TASK DESCRIPTION
Could you set down exactly the lines in the records below between the line holding "#84=IFCINDEXEDPOLYGONALFACE((123,124,132,131));" and the line holding "#92=IFCINDEXEDPOLYGONALFACE((139,140,144,143));", inclusive?

Top of EXTRACTED RECORDS

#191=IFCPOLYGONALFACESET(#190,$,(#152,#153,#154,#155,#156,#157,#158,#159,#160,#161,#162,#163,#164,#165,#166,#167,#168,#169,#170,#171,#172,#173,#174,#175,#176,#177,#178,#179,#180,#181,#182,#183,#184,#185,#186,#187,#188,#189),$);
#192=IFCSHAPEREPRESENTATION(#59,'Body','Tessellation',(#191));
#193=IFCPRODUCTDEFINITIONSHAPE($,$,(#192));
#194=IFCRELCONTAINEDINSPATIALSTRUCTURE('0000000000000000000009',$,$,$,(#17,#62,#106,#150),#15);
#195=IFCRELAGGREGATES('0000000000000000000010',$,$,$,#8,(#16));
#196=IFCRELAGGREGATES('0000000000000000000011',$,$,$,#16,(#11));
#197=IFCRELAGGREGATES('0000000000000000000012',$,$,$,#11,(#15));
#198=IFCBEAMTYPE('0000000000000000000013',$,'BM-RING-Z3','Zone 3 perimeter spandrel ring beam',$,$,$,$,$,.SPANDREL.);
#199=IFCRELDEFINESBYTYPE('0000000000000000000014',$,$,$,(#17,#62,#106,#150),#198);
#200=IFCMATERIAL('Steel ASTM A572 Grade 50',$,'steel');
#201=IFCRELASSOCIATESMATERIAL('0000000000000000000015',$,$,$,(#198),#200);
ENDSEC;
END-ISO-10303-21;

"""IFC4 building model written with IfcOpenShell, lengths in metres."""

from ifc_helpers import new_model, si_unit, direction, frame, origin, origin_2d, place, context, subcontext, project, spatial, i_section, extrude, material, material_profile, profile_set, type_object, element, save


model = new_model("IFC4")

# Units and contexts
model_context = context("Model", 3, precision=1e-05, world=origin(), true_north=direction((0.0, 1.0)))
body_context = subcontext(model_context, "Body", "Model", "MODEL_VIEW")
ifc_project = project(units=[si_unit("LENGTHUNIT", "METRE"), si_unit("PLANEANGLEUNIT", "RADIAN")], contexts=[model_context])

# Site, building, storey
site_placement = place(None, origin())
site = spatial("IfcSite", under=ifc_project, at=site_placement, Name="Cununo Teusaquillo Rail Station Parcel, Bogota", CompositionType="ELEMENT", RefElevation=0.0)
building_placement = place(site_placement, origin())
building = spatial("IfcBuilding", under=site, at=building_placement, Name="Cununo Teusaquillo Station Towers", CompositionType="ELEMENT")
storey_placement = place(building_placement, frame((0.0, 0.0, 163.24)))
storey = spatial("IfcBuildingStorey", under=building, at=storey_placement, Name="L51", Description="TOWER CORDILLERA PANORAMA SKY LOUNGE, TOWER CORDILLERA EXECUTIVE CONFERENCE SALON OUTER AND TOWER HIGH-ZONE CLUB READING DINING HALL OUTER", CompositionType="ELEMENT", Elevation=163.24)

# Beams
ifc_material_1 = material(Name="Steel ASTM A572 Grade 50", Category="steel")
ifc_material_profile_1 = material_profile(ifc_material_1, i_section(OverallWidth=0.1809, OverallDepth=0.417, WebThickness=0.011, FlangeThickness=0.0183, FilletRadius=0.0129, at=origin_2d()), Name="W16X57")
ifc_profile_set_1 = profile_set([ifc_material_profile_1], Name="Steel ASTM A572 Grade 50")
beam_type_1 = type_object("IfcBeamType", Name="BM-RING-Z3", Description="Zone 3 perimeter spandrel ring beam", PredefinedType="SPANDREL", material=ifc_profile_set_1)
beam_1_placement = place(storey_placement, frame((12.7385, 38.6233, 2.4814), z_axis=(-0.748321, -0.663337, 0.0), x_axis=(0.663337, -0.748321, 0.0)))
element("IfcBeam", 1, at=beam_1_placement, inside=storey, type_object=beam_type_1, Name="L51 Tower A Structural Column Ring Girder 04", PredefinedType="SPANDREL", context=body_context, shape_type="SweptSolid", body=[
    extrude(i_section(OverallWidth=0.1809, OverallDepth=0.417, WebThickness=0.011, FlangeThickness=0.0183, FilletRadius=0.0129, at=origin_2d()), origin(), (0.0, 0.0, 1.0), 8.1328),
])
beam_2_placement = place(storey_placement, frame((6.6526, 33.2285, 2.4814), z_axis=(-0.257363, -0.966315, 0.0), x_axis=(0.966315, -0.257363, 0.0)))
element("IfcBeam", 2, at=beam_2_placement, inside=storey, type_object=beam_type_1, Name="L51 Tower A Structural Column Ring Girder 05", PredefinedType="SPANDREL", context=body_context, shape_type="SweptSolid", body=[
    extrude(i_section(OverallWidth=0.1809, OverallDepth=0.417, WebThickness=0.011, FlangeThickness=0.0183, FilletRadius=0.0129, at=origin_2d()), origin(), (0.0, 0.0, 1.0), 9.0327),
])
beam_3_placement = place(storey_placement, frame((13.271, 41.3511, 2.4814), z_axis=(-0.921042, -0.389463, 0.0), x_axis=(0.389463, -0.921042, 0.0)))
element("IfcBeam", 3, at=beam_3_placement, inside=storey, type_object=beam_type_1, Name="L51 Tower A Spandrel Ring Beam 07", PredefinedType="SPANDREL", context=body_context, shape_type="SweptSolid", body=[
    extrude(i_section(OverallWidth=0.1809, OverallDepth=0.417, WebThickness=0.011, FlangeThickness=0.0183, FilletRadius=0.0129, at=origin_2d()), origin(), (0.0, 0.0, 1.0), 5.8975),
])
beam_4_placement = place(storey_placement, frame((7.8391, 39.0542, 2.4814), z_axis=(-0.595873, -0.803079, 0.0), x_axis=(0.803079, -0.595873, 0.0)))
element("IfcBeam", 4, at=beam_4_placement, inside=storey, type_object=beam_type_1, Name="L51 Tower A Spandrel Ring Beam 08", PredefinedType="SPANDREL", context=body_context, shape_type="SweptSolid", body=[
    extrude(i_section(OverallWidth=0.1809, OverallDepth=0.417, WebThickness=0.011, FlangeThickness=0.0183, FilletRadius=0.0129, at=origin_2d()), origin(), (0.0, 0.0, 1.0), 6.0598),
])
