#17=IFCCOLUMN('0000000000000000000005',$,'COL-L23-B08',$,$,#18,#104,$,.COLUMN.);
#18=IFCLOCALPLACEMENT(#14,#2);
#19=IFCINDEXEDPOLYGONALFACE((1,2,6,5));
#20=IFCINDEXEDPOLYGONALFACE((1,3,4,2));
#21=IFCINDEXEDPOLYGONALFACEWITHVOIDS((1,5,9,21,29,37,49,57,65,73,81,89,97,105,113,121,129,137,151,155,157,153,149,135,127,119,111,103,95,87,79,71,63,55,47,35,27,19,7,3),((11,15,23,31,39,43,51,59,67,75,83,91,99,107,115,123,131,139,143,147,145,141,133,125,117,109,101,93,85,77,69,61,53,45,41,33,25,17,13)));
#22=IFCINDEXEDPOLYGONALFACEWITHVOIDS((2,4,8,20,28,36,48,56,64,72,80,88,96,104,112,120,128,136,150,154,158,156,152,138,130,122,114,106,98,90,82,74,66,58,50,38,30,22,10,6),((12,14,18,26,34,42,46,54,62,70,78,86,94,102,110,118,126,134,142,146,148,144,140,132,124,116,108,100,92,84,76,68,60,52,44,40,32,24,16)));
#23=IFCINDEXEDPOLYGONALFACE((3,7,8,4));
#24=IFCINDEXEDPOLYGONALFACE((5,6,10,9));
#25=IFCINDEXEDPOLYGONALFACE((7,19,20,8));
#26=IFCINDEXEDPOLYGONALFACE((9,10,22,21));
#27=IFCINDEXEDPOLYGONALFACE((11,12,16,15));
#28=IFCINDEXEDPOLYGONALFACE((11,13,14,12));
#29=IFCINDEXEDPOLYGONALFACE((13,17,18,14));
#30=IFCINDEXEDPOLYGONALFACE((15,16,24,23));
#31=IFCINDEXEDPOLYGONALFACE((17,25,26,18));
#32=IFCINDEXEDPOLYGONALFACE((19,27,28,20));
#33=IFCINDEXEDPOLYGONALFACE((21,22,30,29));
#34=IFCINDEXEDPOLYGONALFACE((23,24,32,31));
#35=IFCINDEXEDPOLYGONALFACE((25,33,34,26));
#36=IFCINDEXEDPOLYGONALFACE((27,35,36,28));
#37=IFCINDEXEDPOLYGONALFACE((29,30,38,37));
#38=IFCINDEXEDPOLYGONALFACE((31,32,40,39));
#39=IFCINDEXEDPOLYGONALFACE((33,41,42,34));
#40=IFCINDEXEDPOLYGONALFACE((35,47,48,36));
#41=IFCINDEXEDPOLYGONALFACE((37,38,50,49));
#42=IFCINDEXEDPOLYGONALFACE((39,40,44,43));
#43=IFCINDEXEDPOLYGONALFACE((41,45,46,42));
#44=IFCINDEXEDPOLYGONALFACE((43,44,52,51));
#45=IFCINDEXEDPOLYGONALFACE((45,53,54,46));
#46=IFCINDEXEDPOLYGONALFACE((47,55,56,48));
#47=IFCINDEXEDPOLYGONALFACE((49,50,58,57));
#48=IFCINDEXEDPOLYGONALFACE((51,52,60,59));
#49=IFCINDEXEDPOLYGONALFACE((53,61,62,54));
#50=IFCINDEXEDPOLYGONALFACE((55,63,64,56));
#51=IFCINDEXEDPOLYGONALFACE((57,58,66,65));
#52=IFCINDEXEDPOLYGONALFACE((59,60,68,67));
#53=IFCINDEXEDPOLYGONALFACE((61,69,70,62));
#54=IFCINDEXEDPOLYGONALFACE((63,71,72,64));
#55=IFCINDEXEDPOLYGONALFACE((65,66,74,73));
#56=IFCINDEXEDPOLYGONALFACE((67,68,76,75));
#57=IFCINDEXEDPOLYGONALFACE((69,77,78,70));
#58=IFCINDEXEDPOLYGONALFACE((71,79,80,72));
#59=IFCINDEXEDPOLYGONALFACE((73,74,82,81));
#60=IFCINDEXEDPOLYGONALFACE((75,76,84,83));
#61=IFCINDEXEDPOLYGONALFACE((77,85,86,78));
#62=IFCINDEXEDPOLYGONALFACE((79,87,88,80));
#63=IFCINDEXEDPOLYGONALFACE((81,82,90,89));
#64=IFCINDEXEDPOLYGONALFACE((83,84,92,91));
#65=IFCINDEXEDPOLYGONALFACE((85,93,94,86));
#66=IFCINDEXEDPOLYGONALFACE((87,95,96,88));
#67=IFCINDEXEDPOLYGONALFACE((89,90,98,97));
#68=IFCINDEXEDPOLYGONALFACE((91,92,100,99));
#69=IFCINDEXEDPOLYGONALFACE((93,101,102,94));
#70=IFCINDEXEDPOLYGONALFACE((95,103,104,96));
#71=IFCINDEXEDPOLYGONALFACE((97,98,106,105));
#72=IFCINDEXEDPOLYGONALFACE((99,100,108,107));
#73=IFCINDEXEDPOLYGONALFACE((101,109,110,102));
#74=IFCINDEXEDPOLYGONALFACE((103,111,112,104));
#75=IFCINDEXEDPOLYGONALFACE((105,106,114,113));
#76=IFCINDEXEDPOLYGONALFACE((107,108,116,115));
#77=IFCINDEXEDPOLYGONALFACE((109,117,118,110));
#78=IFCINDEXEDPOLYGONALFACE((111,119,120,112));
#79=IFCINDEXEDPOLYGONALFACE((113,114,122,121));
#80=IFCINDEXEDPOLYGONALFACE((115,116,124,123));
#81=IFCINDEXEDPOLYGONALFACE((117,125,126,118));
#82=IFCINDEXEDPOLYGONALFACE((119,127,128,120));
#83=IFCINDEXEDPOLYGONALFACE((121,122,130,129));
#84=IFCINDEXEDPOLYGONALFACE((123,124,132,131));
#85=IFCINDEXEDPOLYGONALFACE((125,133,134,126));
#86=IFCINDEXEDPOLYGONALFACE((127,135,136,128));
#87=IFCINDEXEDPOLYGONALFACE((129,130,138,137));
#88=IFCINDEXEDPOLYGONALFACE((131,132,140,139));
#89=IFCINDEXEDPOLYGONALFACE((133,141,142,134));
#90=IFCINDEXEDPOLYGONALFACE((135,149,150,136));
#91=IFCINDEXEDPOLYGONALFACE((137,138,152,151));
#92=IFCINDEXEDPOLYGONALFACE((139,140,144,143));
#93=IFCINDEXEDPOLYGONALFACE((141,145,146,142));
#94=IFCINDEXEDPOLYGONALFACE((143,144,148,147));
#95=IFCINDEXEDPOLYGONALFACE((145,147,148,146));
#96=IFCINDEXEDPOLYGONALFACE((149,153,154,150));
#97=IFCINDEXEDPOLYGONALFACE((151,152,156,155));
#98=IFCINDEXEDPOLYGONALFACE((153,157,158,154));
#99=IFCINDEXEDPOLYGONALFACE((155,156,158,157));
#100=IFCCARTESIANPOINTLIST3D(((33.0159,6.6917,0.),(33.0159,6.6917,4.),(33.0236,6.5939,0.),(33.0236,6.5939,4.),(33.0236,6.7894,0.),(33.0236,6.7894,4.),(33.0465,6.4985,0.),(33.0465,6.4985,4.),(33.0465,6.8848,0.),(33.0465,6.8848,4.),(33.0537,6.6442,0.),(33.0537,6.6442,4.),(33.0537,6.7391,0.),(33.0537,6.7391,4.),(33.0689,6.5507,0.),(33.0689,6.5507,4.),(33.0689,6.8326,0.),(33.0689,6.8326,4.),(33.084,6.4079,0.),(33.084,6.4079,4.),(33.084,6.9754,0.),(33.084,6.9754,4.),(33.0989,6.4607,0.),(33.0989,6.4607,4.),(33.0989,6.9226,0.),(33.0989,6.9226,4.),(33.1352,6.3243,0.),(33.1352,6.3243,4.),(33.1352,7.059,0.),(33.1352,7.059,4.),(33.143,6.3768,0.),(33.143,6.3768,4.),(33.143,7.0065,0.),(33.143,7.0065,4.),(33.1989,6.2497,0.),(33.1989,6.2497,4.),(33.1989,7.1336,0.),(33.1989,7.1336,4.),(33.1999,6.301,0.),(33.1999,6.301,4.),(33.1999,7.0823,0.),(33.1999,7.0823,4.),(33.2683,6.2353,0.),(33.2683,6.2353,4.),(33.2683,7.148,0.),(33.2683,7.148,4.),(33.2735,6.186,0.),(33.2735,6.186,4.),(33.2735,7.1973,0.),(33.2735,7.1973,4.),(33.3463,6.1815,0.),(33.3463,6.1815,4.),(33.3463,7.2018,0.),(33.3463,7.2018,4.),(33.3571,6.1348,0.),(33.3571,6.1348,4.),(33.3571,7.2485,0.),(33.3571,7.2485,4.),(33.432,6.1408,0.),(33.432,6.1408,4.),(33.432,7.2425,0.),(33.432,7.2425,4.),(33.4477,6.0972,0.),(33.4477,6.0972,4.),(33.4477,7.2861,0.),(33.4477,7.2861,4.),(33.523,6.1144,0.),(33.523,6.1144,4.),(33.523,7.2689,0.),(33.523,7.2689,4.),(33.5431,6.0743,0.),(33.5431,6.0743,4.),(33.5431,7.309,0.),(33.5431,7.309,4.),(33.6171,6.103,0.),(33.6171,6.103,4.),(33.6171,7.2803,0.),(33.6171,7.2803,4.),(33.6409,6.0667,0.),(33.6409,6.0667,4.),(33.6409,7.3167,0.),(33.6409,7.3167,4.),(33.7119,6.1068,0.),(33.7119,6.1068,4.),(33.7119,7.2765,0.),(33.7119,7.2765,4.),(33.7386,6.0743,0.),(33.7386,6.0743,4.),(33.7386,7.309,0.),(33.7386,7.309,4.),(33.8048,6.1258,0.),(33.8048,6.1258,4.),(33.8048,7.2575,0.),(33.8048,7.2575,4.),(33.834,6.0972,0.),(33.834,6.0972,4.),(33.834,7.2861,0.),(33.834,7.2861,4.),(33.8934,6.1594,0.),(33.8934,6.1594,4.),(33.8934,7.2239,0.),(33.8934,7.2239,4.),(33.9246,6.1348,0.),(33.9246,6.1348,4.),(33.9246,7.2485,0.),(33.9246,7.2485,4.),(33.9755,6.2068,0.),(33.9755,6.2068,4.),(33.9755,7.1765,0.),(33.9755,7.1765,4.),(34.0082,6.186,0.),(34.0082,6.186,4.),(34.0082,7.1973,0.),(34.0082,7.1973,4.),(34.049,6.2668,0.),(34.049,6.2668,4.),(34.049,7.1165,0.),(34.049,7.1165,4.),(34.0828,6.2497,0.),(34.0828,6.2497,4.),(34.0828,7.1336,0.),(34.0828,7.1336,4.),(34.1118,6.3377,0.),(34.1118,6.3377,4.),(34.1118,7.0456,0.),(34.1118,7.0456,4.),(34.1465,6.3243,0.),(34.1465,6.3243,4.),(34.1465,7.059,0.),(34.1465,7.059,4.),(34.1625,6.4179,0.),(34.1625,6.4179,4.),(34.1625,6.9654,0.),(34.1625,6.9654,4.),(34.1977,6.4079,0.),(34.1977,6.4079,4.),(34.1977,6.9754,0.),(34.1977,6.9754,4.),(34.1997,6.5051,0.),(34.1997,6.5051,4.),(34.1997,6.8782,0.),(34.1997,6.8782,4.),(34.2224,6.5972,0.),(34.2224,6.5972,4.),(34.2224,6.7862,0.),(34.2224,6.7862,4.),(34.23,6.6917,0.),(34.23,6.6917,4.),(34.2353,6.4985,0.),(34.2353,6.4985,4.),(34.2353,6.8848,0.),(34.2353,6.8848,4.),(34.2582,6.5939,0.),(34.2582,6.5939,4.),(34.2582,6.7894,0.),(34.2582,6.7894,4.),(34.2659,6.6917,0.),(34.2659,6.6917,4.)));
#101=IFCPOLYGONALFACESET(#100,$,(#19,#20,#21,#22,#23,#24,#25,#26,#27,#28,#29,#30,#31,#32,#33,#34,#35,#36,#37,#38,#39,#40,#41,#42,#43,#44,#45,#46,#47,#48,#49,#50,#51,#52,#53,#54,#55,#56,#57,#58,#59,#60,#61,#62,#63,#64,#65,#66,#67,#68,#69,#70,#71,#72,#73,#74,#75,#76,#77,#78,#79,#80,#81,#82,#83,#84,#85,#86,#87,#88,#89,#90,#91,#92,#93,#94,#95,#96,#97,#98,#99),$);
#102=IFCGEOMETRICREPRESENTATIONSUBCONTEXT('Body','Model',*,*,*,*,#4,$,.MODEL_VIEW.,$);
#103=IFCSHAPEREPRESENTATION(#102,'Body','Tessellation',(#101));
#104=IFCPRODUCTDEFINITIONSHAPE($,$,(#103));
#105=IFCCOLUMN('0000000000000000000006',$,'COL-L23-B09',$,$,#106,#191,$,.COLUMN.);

Bottom of EXTRACTED RECORDS

EXERCISE RESULT
#84=IFCINDEXEDPOLYGONALFACE((123,124,132,131));
#85=IFCINDEXEDPOLYGONALFACE((125,133,134,126));
#86=IFCINDEXEDPOLYGONALFACE((127,135,136,128));
#87=IFCINDEXEDPOLYGONALFACE((129,130,138,137));
#88=IFCINDEXEDPOLYGONALFACE((131,132,140,139));
#89=IFCINDEXEDPOLYGONALFACE((133,141,142,134));
#90=IFCINDEXEDPOLYGONALFACE((135,149,150,136));
#91=IFCINDEXEDPOLYGONALFACE((137,138,152,151));
#92=IFCINDEXEDPOLYGONALFACE((139,140,144,143));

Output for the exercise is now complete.